• [Assignment]: Below are the lines to check; count those holding the string "IFCSIUNIT" and give only the number.

• [Study material]:
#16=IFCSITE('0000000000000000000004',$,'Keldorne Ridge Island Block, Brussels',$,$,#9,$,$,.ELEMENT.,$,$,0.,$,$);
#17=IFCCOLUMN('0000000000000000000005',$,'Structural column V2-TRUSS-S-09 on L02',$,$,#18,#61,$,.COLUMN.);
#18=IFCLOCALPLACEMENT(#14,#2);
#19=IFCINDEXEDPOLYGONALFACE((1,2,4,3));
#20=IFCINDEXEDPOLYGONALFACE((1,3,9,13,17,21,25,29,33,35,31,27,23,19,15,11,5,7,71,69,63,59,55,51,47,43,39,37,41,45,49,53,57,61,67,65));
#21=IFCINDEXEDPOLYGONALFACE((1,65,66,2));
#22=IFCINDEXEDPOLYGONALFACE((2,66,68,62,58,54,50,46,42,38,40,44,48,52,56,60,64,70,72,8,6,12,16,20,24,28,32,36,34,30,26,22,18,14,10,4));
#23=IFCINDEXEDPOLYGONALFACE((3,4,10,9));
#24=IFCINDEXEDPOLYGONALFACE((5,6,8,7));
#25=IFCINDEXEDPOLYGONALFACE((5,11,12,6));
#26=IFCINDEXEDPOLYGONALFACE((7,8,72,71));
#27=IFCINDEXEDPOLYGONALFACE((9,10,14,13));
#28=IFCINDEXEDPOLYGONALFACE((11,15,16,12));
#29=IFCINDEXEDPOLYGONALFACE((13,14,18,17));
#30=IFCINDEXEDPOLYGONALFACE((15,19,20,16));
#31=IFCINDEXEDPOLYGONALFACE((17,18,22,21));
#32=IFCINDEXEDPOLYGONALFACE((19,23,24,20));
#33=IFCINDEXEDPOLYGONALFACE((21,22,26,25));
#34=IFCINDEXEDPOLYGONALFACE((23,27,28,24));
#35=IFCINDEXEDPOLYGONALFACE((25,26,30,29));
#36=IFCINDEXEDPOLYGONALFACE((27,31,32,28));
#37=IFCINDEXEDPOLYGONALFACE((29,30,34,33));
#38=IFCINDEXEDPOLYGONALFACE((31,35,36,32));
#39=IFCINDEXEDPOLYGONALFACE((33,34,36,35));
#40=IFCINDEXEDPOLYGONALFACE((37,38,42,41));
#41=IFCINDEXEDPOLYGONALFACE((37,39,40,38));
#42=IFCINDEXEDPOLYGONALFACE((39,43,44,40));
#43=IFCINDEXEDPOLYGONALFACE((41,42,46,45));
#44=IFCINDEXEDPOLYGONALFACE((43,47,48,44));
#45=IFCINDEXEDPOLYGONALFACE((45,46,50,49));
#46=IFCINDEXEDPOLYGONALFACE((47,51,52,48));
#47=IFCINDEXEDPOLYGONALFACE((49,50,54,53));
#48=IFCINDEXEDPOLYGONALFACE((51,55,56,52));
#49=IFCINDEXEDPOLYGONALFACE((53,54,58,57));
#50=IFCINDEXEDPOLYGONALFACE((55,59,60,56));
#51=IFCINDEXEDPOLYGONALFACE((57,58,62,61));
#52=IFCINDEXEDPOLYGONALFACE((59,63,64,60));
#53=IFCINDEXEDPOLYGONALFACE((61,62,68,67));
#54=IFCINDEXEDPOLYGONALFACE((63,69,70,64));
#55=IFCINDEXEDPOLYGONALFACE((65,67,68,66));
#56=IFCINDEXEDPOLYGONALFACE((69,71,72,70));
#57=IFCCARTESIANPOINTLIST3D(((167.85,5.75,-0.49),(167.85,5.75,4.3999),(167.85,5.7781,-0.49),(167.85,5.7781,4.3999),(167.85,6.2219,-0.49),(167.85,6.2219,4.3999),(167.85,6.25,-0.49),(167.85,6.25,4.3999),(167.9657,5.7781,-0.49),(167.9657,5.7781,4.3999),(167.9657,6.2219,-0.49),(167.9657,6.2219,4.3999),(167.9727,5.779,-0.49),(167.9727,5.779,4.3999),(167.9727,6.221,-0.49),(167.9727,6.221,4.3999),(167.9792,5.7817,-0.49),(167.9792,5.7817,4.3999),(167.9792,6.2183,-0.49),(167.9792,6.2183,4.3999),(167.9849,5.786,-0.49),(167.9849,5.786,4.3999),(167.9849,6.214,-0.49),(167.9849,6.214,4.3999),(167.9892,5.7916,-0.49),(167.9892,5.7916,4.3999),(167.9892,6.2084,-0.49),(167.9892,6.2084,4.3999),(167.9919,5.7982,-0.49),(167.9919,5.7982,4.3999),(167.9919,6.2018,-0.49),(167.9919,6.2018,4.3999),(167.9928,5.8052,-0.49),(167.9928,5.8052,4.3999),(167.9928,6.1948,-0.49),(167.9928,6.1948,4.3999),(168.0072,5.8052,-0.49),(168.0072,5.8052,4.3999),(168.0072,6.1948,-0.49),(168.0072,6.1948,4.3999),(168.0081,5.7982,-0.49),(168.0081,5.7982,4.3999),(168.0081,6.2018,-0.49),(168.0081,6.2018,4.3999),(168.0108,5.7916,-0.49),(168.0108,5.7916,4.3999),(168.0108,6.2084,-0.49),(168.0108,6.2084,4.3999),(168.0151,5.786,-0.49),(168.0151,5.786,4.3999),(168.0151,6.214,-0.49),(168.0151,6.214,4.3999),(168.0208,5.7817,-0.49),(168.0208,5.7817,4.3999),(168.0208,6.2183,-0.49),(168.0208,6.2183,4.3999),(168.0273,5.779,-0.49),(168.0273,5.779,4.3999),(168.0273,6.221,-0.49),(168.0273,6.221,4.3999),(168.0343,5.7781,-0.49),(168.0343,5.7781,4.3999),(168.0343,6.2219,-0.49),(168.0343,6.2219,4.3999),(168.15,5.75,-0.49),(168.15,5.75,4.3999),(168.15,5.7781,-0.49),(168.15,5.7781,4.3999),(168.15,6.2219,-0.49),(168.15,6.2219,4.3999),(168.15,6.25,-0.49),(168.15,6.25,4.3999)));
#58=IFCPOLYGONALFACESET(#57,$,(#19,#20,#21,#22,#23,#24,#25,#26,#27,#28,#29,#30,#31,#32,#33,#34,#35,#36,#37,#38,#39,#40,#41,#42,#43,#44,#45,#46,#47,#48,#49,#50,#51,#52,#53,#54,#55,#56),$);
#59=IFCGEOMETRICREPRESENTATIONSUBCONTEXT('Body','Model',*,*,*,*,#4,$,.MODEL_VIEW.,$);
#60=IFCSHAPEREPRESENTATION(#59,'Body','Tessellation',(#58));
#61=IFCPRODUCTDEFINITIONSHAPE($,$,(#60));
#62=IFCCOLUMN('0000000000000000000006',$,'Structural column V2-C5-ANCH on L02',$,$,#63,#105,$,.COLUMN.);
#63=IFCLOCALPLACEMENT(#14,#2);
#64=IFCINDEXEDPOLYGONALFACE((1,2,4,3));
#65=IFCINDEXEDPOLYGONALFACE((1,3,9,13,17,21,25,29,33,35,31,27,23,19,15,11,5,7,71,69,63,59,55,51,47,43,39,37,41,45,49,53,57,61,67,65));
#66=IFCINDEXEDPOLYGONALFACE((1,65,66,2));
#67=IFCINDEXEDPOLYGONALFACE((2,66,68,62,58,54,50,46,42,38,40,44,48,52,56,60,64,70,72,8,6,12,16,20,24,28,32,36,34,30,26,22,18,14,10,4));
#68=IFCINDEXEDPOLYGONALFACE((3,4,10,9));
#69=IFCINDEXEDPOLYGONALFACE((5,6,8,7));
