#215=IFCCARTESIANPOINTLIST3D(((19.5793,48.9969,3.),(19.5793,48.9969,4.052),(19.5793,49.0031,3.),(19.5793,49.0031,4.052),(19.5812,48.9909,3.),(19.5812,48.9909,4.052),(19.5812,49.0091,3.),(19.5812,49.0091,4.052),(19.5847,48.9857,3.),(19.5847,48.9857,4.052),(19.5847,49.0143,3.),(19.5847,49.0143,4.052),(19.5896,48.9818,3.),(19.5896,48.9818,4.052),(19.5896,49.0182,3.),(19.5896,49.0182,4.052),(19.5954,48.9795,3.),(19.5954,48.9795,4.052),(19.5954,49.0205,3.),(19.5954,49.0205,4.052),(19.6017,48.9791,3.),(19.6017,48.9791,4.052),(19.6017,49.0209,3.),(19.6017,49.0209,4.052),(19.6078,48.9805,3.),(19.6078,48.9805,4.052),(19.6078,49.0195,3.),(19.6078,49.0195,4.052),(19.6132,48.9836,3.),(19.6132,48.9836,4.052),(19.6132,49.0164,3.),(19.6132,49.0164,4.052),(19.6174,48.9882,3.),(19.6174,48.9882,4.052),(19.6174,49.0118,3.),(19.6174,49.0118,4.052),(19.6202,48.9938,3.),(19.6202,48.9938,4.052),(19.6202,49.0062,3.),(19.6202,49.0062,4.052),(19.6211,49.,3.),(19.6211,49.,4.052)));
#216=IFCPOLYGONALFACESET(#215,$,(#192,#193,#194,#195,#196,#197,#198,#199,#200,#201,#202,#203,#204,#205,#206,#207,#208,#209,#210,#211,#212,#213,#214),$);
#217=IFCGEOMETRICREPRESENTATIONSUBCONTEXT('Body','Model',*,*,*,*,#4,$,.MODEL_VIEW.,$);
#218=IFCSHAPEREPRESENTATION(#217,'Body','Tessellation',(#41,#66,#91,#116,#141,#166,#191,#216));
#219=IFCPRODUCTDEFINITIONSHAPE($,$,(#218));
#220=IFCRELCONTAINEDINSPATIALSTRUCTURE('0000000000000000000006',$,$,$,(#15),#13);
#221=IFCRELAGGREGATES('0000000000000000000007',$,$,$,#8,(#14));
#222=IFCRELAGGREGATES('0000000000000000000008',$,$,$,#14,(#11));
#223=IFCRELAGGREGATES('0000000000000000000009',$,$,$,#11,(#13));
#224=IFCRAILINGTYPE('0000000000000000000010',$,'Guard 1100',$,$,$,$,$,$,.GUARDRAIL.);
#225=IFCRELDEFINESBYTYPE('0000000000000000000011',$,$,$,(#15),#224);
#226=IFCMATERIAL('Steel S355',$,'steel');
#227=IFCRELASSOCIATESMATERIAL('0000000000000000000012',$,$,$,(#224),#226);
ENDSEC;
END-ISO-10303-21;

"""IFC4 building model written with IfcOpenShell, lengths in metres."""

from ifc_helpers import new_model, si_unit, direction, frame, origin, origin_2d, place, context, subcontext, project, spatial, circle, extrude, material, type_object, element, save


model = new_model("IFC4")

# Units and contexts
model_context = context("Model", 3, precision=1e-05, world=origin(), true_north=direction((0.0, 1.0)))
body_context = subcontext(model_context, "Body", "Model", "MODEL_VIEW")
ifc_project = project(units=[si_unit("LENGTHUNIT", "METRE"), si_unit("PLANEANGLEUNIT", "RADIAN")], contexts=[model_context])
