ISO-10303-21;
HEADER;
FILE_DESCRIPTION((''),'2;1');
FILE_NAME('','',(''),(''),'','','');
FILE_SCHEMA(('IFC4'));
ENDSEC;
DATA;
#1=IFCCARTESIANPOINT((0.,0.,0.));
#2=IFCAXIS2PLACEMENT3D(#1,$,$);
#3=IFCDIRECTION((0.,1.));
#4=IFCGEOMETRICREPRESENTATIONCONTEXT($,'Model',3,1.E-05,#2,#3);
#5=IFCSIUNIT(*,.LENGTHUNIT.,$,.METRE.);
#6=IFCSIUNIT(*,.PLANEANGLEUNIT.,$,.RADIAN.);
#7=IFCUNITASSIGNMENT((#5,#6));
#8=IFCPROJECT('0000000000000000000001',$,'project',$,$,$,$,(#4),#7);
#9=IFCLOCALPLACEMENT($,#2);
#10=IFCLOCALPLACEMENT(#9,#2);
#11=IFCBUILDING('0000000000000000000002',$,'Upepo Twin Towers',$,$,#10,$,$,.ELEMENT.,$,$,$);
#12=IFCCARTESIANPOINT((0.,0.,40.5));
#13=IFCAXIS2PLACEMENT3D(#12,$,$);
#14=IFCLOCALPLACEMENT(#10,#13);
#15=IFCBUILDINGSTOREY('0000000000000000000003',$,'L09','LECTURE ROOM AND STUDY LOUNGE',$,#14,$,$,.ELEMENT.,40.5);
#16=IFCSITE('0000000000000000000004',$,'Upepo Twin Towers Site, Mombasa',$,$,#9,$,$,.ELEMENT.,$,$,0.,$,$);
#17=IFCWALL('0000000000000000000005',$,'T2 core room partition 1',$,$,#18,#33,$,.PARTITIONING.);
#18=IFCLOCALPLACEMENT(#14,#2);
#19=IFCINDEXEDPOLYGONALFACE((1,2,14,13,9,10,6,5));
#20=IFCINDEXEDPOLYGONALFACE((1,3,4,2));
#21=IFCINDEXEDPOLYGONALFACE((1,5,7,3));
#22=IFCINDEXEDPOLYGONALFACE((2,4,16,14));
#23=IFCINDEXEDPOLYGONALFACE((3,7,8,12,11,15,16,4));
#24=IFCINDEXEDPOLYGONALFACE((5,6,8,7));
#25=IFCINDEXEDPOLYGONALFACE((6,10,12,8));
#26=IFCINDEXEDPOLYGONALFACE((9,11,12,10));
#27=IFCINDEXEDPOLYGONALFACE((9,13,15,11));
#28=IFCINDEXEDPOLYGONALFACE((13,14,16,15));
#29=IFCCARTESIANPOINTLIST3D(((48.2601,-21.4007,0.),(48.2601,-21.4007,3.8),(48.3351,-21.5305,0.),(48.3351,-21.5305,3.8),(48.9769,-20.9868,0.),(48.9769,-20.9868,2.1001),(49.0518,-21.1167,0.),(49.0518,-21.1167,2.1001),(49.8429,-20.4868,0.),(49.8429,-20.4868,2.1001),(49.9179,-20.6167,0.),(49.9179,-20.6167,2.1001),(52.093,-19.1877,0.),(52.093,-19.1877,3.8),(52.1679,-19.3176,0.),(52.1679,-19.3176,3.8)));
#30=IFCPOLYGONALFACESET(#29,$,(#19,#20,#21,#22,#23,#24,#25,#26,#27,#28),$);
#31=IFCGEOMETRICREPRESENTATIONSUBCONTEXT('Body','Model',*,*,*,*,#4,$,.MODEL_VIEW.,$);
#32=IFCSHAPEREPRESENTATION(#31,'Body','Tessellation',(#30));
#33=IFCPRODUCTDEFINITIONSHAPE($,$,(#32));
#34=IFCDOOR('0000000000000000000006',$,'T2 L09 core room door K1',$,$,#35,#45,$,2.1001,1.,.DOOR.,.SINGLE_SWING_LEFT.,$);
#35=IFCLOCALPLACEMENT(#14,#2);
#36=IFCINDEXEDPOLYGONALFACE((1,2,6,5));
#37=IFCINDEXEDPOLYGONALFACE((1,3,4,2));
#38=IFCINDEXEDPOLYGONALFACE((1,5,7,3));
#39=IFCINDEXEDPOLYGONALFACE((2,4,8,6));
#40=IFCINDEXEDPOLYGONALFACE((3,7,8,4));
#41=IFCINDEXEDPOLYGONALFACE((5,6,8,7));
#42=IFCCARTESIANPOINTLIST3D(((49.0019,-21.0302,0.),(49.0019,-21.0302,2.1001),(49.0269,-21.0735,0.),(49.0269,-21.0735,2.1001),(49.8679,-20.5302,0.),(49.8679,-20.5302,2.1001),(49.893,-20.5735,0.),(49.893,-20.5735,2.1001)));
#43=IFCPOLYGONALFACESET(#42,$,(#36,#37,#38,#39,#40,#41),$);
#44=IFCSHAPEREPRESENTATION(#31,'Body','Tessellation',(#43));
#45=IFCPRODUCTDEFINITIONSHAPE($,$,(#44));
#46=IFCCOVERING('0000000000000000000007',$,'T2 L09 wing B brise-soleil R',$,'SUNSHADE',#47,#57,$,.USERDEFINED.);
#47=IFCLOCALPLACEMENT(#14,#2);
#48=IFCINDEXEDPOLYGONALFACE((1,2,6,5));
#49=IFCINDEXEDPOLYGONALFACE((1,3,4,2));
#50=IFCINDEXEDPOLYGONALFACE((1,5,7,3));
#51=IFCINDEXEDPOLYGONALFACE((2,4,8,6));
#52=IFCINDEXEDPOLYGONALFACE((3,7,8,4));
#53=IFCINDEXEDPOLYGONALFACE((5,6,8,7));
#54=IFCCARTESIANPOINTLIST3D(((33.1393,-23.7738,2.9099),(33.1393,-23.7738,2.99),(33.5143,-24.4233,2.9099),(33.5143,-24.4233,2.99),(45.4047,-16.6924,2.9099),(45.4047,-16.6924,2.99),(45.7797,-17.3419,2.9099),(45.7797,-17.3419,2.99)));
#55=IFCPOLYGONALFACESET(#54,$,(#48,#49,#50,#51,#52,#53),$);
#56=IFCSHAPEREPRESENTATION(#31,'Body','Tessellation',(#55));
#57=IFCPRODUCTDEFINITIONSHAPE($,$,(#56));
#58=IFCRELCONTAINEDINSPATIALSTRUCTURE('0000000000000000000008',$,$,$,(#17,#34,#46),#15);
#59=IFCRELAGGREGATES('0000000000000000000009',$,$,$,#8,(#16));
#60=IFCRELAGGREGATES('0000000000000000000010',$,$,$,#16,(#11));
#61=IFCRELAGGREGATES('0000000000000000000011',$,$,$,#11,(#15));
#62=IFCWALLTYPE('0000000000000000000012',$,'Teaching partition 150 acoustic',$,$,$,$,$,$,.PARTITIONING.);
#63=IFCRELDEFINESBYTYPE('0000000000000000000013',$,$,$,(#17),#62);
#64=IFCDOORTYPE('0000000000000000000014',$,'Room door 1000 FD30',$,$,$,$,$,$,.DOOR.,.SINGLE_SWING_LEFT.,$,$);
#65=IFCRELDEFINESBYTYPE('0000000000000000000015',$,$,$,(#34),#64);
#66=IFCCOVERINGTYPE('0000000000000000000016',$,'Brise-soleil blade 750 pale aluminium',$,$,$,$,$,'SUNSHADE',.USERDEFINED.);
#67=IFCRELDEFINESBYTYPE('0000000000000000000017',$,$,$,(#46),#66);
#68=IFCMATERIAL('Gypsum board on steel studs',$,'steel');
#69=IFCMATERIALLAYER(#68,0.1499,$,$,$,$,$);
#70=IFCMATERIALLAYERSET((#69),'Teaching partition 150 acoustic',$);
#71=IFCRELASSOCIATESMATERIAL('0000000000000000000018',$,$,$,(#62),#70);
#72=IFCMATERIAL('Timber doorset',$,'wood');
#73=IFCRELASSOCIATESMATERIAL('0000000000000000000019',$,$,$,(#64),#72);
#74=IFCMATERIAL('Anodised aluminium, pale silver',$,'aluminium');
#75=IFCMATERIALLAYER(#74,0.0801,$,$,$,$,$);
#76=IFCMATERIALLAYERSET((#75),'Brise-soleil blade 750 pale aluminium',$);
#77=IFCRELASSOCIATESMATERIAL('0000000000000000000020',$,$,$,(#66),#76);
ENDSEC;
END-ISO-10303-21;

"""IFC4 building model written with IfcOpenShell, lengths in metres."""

from ifc_helpers import new_model, si_unit, direction, frame, frame_2d, origin, origin_2d, place, context, subcontext, project, spatial, rectangle, extrude, material, layer, layer_set, type_object, element, fill, save


model = new_model("IFC4")

# Units and contexts
model_context = context("Model", 3, precision=1e-05, world=origin(), true_north=direction((0.0, 1.0)))
body_context = subcontext(model_context, "Body", "Model", "MODEL_VIEW")
ifc_project = project(units=[si_unit("LENGTHUNIT", "METRE"), si_unit("PLANEANGLEUNIT", "RADIAN")], contexts=[model_context])

# Site, building, storey
site_placement = place(None, origin())
site = spatial("IfcSite", under=ifc_project, at=site_placement, Name="Upepo Twin Towers Site, Mombasa", CompositionType="ELEMENT", RefElevation=0.0)
building_placement = place(site_placement, origin())
building = spatial("IfcBuilding", under=site, at=building_placement, Name="Upepo Twin Towers", CompositionType="ELEMENT")
storey_placement = place(building_placement, frame((0.0, 0.0, 40.5)))
storey = spatial("IfcBuildingStorey", under=building, at=storey_placement, Name="L09", Description="LECTURE ROOM AND STUDY LOUNGE", CompositionType="ELEMENT", Elevation=40.5)

# Wall, opening, door
ifc_material_1 = material(Name="Gypsum board on steel studs", Category="steel")
ifc_layer_1 = layer(ifc_material_1, 0.1499)
ifc_layer_set_1 = layer_set([ifc_layer_1], Name="Teaching partition 150 acoustic")
wall_type_1 = type_object("IfcWallType", Name="Teaching partition 150 acoustic", PredefinedType="PARTITIONING", material=ifc_layer_set_1)
wall_1_placement = place(storey_placement, frame((48.2976, -21.4656, 0.0), z_axis=(0.0, 0.0, 1.0), x_axis=(0.866021, 0.500007, 0.0)))
wall_1 = element("IfcWall", 1, at=wall_1_placement, inside=storey, type_object=wall_type_1, Name="T2 core room partition 1", PredefinedType="PARTITIONING", context=body_context, shape_type="SweptSolid", body=[
    extrude(rectangle(XDim=4.4258, YDim=0.1499, at=frame_2d((2.2129, 0.0))), origin(), (0.0, 0.0, 1.0), 3.8),
])
opening_placement = place(wall_1_placement, frame((0.8276, 0.0, 0.0)))
opening = element("IfcOpeningElement", 2, at=opening_placement, cuts=wall_1, PredefinedType="OPENING", context=body_context, shape_type="SweptSolid", body=[
    extrude(rectangle(XDim=1.0, YDim=2.1001, at=frame_2d((0.5, 1.05))), frame((0.0, 0.085, 0.0), z_axis=(0.0, -1.0, 0.0), x_axis=(1.0, 0.0, 0.0)), (0.0, 0.0, 1.0), 0.1699),
])
ifc_material_2 = material(Name="Timber doorset", Category="wood")
door_type = type_object("IfcDoorType", Name="Room door 1000 FD30", OperationType="SINGLE_SWING_LEFT", PredefinedType="DOOR", material=ifc_material_2)
door_placement = place(opening_placement, origin())
door = element("IfcDoor", 3, at=door_placement, inside=storey, type_object=door_type, Name="T2 L09 core room door K1", OperationType="SINGLE_SWING_LEFT", OverallHeight=2.1001, OverallWidth=1.0, PredefinedType="DOOR", context=body_context, shape_type="SweptSolid", body=[
    extrude(rectangle(XDim=1.0, YDim=2.1001, at=frame_2d((0.5, 1.05))), frame((0.0, 0.0249, 0.0), z_axis=(0.0, -1.0, 0.0), x_axis=(1.0, 0.0, 0.0)), (0.0, 0.0, 1.0), 0.05),
])
fill(opening, door)

# Covering
ifc_material_3 = material(Name="Anodised aluminium, pale silver", Category="aluminium")
ifc_layer_2 = layer(ifc_material_3, 0.0801)
ifc_layer_set_2 = layer_set([ifc_layer_2], Name="Brise-soleil blade 750 pale aluminium")
covering_type = type_object("IfcCoveringType", Name="Brise-soleil blade 750 pale aluminium", ElementType="SUNSHADE", PredefinedType="USERDEFINED", material=ifc_layer_set_2)
covering_placement = place(storey_placement, frame((39.4595, -20.5579, 2.9099), z_axis=(0.0, 0.0, 1.0), x_axis=(-0.866025, -0.5, 0.0)))
element("IfcCovering", 4, at=covering_placement, inside=storey, type_object=covering_type, Name="T2 L09 wing B brise-soleil R", ObjectType="SUNSHADE", PredefinedType="USERDEFINED", context=body_context, shape_type="SweptSolid", body=[
    extrude(rectangle(XDim=14.1628, YDim=0.75, at=origin_2d()), origin(), (0.0, 0.0, 1.0), 0.0801),
])

save(model, "model.ifc")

• [Response to the exercise]: 2